═════ DATA FOR THE TASK

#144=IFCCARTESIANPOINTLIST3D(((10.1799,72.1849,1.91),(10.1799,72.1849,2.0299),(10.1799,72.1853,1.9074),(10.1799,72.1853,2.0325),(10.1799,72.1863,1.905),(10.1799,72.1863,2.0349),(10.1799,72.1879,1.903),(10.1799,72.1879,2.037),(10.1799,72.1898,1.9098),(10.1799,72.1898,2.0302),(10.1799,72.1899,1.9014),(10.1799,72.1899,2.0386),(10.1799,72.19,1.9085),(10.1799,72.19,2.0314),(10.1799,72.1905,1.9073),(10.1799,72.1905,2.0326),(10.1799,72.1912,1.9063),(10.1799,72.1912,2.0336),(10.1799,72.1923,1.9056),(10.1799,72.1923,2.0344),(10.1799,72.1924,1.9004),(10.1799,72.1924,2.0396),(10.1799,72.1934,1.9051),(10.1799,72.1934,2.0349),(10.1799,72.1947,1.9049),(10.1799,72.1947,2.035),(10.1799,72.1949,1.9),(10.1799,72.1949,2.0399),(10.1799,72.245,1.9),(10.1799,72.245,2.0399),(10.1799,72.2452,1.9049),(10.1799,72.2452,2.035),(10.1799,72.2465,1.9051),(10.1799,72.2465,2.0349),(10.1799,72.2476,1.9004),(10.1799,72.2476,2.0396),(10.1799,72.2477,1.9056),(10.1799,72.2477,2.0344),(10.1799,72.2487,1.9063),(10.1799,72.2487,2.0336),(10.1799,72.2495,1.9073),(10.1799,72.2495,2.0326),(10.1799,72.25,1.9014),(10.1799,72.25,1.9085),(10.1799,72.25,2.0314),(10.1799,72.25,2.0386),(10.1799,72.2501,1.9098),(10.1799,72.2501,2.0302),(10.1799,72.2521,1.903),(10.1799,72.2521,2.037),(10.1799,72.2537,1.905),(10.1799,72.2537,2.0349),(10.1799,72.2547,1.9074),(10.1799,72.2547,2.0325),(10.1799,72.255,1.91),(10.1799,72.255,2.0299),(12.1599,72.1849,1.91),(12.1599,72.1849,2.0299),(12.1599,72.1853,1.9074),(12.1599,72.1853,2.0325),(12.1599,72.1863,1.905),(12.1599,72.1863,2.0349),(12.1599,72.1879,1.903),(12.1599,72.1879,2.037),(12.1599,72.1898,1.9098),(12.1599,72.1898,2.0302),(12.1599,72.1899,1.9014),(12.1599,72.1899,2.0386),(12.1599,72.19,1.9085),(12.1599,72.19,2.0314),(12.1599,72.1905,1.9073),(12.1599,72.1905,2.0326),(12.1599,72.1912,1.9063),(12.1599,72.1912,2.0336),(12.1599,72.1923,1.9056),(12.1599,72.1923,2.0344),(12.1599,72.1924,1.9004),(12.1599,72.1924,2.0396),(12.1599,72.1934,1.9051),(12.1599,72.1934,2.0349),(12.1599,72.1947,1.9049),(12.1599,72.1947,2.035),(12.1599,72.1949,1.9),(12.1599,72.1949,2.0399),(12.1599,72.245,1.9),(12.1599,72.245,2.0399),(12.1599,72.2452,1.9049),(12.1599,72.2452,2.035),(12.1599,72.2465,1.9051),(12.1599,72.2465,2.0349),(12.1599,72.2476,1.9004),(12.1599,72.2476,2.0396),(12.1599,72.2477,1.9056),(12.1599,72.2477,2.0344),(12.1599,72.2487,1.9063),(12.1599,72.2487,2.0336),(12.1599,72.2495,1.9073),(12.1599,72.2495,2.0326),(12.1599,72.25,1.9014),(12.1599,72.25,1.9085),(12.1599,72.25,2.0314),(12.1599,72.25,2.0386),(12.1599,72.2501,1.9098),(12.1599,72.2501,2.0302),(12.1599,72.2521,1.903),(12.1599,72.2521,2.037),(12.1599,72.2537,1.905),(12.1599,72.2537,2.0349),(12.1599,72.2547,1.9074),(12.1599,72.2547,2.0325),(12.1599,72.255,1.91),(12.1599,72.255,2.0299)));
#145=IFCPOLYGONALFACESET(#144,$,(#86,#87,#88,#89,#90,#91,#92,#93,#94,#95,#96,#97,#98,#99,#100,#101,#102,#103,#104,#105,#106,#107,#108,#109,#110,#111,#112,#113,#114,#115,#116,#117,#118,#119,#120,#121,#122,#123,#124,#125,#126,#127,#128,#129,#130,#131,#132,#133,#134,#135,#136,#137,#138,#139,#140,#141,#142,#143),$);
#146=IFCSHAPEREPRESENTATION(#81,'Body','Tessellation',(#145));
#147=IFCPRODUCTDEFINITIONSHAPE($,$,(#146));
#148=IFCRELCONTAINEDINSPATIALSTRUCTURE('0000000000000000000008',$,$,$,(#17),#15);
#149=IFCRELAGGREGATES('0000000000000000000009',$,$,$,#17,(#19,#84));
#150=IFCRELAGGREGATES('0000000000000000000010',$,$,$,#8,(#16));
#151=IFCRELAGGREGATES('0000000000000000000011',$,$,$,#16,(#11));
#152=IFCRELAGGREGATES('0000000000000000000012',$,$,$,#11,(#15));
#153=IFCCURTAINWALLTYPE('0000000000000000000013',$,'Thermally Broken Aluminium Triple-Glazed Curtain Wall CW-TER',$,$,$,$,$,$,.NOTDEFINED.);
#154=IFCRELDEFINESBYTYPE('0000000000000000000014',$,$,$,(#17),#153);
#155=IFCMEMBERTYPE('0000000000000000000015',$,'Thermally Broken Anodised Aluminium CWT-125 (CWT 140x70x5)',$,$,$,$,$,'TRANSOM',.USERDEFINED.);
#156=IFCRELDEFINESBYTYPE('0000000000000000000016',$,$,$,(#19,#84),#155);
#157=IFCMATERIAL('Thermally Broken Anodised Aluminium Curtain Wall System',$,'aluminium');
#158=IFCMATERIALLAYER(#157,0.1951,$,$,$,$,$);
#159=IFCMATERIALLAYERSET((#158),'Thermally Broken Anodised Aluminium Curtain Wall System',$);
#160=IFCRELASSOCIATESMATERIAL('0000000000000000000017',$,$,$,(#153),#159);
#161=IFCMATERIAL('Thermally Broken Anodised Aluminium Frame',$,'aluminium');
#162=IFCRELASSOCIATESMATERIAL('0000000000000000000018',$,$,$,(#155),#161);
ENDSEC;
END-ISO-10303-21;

══════════

### ASSIGNED TASK
Your task is to copy each line of the material that contains the word "Anodised".

### THE ANSWER
#155=IFCMEMBERTYPE('0000000000000000000015',$,'Thermally Broken Anodised Aluminium CWT-125 (CWT 140x70x5)',$,$,$,$,$,'TRANSOM',.USERDEFINED.);
#157=IFCMATERIAL('Thermally Broken Anodised Aluminium Curtain Wall System',$,'aluminium');
#159=IFCMATERIALLAYERSET((#158),'Thermally Broken Anodised Aluminium Curtain Wall System',$);
#161=IFCMATERIAL('Thermally Broken Anodised Aluminium Frame',$,'aluminium');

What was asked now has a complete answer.